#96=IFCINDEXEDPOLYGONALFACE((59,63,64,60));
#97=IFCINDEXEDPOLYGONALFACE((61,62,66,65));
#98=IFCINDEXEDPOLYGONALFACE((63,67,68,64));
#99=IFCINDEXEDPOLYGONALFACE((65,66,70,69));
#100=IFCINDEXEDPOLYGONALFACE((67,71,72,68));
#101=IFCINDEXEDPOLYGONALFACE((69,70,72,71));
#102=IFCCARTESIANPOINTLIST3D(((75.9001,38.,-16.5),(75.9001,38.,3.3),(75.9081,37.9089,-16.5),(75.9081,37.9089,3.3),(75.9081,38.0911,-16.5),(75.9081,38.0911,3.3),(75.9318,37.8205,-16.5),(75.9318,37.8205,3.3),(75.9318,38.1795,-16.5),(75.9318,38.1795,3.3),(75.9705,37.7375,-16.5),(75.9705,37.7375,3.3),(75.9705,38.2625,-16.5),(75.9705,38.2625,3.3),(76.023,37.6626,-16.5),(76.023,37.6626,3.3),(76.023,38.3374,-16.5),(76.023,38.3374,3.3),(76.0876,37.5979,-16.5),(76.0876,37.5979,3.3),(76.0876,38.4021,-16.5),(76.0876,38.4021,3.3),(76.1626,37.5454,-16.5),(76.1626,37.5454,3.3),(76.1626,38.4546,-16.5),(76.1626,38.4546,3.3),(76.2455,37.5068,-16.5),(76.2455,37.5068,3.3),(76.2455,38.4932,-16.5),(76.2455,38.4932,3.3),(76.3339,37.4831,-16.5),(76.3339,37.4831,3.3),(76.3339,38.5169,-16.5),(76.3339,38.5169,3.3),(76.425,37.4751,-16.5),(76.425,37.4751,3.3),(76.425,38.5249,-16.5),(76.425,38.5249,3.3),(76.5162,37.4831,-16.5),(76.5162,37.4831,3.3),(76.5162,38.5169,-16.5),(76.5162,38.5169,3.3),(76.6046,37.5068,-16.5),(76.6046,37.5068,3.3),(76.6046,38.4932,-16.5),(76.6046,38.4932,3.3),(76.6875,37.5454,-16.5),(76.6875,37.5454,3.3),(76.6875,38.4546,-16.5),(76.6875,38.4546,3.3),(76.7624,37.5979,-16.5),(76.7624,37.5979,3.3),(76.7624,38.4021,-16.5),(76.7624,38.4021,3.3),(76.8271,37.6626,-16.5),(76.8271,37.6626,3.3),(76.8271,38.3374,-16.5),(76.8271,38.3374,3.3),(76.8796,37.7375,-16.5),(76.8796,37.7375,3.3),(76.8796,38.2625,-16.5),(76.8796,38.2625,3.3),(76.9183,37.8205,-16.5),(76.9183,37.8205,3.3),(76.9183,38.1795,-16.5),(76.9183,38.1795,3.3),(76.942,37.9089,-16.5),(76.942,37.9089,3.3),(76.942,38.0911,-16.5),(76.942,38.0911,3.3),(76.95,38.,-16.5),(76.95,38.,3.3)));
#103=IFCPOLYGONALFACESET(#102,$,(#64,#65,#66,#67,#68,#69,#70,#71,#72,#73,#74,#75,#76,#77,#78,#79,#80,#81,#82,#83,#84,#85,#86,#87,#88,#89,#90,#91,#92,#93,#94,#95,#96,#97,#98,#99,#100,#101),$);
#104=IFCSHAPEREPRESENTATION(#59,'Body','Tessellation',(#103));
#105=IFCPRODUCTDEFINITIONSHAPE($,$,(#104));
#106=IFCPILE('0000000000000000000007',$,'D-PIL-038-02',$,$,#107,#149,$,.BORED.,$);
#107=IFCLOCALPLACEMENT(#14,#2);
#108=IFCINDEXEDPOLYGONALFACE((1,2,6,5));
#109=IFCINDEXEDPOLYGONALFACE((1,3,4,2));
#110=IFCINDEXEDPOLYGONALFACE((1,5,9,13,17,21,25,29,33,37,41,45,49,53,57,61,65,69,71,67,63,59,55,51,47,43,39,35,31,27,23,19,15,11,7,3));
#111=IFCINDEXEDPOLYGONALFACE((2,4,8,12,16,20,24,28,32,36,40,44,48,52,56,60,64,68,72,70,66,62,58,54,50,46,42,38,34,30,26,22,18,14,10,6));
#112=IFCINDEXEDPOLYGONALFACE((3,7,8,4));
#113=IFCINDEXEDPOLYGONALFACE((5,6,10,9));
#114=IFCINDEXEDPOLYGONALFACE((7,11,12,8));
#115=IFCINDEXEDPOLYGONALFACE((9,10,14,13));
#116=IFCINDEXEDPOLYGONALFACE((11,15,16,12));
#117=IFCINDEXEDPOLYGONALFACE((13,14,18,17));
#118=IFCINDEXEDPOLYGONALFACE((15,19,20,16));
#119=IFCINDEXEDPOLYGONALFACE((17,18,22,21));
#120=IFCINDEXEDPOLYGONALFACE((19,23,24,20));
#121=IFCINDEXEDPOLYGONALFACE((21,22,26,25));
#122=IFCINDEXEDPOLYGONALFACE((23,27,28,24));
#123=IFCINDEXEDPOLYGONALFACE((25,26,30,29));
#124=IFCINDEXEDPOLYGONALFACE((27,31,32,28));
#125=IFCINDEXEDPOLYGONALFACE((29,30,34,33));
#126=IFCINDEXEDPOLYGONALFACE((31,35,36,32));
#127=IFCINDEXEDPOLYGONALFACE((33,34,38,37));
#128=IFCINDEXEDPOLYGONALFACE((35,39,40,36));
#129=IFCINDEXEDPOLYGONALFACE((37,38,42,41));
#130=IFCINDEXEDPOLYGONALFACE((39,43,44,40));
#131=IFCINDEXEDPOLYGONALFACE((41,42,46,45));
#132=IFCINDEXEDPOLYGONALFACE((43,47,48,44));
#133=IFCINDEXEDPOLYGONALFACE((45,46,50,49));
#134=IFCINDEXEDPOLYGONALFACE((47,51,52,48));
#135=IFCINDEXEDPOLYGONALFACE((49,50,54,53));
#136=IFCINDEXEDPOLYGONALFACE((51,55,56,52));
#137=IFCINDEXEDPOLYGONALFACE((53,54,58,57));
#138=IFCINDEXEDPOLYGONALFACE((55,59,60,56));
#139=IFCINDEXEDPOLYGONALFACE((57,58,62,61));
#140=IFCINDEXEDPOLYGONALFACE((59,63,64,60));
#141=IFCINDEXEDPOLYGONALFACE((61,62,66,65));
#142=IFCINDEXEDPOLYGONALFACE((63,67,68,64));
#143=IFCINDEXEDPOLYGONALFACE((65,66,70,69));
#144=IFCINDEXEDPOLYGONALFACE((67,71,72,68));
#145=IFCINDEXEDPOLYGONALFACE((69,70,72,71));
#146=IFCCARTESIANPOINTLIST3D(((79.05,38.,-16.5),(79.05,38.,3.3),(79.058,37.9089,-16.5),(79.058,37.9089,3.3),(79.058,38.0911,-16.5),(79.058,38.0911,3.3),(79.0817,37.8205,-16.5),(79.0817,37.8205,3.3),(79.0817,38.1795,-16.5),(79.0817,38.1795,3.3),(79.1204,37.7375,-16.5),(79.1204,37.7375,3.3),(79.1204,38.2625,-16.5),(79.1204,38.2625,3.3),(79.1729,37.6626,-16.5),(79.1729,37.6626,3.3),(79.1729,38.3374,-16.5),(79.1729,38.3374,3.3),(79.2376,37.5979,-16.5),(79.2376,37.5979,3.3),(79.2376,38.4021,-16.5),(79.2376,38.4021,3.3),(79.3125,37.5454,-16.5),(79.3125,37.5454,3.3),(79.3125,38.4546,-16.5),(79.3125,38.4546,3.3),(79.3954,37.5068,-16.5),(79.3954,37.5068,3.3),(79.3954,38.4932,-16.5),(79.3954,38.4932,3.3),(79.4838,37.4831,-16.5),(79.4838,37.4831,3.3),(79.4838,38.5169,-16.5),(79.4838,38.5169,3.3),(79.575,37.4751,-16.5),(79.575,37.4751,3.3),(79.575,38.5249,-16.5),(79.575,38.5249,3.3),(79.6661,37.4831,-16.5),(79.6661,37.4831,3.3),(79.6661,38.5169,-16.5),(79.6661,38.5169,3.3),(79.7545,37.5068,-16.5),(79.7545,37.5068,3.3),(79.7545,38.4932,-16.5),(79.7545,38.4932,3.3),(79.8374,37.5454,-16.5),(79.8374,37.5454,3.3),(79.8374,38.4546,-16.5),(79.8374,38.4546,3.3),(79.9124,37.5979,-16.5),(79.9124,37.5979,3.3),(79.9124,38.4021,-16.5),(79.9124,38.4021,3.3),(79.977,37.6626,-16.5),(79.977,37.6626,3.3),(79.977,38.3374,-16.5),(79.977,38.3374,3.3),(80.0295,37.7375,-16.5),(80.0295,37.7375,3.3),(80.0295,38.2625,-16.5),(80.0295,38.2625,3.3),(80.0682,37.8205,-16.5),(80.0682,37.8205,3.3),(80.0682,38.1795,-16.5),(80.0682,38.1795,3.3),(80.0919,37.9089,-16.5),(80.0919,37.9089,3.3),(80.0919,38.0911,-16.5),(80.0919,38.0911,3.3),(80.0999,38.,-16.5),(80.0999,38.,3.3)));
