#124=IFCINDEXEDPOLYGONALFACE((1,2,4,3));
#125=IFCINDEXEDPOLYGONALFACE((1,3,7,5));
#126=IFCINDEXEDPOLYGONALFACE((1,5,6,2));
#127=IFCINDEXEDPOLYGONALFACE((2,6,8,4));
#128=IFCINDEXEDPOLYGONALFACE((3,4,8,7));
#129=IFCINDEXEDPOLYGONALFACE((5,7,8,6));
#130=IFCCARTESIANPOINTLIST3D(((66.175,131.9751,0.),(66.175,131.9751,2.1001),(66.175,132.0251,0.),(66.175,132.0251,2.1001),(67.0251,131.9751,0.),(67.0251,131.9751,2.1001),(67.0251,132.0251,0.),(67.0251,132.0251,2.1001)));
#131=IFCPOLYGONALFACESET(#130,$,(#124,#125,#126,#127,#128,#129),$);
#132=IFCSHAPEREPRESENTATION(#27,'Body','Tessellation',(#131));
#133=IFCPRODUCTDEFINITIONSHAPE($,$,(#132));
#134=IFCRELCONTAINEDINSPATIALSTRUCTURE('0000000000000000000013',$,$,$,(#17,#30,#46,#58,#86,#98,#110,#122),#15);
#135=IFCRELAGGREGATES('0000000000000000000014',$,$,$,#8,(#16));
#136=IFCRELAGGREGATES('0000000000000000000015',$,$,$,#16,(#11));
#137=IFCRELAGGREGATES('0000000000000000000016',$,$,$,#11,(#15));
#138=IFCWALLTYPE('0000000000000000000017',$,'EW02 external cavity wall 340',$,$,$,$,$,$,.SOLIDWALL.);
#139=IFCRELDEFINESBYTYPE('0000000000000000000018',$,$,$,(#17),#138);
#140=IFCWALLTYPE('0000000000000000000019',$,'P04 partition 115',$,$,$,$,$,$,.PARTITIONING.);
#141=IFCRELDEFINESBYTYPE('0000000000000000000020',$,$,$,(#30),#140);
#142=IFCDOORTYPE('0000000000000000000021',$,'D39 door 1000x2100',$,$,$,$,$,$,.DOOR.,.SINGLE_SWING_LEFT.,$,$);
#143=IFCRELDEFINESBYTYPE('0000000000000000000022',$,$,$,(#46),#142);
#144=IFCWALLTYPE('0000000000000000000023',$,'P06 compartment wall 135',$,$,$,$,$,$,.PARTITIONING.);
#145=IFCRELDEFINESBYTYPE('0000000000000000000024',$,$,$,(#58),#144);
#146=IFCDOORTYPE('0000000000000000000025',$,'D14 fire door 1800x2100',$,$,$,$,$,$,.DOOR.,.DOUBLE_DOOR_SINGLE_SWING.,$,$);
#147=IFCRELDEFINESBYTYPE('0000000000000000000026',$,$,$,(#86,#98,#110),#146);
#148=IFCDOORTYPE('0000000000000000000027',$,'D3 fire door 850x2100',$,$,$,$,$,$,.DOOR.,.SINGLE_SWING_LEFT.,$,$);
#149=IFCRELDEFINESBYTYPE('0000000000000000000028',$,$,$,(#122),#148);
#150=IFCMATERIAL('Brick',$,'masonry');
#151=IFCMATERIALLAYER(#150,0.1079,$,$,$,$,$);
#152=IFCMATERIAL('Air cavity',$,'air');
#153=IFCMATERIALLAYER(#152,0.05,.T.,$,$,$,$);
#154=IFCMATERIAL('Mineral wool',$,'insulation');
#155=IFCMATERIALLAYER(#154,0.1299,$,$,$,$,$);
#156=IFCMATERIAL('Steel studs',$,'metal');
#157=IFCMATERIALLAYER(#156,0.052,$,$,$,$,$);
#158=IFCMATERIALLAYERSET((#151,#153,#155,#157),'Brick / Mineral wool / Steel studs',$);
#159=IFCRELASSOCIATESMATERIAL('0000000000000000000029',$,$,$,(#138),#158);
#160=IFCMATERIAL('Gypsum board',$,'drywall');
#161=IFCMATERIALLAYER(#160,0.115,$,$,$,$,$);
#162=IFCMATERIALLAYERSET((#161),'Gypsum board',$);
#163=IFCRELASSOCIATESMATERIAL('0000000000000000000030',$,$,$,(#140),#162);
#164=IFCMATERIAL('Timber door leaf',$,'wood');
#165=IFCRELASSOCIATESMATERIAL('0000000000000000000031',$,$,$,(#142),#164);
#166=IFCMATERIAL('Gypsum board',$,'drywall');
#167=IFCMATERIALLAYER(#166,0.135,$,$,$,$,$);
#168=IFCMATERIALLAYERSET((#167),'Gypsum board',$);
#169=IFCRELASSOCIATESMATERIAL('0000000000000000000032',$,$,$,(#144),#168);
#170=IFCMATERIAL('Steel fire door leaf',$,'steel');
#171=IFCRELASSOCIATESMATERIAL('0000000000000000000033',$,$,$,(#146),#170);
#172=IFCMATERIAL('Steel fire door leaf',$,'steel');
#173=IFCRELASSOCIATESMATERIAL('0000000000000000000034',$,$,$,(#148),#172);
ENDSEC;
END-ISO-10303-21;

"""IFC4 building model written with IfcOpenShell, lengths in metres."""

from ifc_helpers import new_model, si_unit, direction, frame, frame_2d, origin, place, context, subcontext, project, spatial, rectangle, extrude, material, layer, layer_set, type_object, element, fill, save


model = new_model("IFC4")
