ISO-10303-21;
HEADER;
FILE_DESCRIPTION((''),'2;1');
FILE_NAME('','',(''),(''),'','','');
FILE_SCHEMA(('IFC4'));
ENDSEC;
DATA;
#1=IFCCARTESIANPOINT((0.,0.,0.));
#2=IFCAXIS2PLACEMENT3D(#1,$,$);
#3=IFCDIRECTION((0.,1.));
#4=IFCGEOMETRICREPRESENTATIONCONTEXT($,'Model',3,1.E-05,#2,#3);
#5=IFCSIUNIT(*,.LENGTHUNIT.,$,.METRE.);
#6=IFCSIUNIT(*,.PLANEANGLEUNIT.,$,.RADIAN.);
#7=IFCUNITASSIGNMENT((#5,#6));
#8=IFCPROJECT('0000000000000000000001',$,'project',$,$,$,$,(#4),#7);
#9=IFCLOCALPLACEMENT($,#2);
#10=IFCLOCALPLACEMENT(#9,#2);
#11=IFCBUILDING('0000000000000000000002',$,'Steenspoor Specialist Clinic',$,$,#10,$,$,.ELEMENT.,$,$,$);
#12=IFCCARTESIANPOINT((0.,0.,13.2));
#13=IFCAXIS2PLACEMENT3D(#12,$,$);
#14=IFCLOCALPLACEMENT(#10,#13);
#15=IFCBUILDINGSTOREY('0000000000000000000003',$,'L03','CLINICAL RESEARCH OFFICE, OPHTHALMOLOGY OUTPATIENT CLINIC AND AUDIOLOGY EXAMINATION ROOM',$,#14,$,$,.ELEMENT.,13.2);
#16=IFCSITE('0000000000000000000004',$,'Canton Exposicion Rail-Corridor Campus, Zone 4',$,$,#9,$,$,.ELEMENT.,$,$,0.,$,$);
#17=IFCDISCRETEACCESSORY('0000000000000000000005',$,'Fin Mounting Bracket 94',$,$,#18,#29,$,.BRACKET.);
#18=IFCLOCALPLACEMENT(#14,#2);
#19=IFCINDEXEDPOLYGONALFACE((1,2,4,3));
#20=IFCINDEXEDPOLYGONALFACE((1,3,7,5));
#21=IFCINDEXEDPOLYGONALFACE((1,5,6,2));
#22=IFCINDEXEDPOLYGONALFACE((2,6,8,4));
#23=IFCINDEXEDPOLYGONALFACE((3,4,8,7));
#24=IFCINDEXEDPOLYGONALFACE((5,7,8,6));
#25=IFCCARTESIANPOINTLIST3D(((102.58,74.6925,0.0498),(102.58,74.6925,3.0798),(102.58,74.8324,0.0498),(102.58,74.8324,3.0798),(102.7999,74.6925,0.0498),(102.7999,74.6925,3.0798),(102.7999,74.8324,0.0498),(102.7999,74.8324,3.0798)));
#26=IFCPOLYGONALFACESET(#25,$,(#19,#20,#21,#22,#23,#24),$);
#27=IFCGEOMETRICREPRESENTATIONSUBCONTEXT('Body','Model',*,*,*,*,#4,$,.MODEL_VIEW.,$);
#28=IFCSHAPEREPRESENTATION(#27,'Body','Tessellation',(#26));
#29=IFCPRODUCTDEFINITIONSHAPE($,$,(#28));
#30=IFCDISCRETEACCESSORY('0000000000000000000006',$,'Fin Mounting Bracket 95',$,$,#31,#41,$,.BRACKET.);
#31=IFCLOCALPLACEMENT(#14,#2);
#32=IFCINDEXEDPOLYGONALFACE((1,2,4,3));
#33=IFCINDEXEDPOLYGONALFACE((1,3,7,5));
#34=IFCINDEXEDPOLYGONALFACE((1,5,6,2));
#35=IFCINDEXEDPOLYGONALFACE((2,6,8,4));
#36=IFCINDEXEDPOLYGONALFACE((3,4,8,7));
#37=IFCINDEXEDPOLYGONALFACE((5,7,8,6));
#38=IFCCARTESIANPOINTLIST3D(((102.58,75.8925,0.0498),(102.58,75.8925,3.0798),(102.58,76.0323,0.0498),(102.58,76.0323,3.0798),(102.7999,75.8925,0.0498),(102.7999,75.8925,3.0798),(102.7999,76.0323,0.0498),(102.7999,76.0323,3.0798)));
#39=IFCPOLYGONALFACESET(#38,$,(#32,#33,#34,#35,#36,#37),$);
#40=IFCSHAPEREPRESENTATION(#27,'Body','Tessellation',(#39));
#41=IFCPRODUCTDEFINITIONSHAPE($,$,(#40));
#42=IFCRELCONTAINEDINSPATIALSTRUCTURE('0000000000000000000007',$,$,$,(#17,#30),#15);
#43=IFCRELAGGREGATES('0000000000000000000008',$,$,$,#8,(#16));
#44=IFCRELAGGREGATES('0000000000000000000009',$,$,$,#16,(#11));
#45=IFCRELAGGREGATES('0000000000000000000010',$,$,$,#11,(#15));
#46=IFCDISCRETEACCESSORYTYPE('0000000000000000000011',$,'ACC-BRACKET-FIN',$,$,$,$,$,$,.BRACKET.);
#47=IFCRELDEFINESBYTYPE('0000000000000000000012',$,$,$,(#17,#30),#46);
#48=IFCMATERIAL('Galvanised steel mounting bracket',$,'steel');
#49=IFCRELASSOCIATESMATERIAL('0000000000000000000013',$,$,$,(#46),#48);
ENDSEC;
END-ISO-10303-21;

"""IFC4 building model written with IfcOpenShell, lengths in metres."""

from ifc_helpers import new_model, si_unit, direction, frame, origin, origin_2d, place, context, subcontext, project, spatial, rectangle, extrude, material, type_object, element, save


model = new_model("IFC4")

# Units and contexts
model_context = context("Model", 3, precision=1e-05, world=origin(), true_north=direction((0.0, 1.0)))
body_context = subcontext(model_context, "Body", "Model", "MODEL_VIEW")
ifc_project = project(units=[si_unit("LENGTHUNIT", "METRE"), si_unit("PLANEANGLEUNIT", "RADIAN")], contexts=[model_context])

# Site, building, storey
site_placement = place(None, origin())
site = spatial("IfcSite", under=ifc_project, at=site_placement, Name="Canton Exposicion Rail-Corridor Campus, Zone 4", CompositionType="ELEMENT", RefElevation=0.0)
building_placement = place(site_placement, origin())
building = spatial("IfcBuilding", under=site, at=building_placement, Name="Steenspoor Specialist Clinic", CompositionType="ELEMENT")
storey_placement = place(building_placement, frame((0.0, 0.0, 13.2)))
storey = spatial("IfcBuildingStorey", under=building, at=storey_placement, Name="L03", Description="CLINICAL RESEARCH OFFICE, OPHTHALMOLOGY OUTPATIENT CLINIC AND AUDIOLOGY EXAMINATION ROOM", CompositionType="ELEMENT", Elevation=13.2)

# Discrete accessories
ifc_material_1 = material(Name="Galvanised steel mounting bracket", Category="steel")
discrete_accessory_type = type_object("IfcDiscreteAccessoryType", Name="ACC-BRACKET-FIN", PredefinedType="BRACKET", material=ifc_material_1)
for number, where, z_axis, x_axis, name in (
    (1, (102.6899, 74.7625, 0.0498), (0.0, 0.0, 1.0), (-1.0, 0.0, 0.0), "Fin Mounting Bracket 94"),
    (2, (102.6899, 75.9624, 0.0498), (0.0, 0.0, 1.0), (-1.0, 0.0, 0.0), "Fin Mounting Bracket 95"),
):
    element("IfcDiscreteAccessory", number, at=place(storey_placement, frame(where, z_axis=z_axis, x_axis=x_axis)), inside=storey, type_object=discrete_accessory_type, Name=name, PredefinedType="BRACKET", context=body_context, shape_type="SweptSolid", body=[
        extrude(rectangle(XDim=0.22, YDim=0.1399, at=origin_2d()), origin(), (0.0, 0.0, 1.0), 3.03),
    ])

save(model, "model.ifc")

-- Your assignment --
Give again exactly, and only, the lines above starting at the one with "#139=IFCINDEXEDPOLYGONALFACE((57,58,62,61));" and ending at the one with "#145=IFCINDEXEDPOLYGONALFACE((69,70,72,71));".

-- Response below --
#139=IFCINDEXEDPOLYGONALFACE((57,58,62,61));
#140=IFCINDEXEDPOLYGONALFACE((59,63,64,60));
#141=IFCINDEXEDPOLYGONALFACE((61,62,66,65));
#142=IFCINDEXEDPOLYGONALFACE((63,67,68,64));
#143=IFCINDEXEDPOLYGONALFACE((65,66,70,69));
#144=IFCINDEXEDPOLYGONALFACE((67,71,72,68));
#145=IFCINDEXEDPOLYGONALFACE((69,70,72,71));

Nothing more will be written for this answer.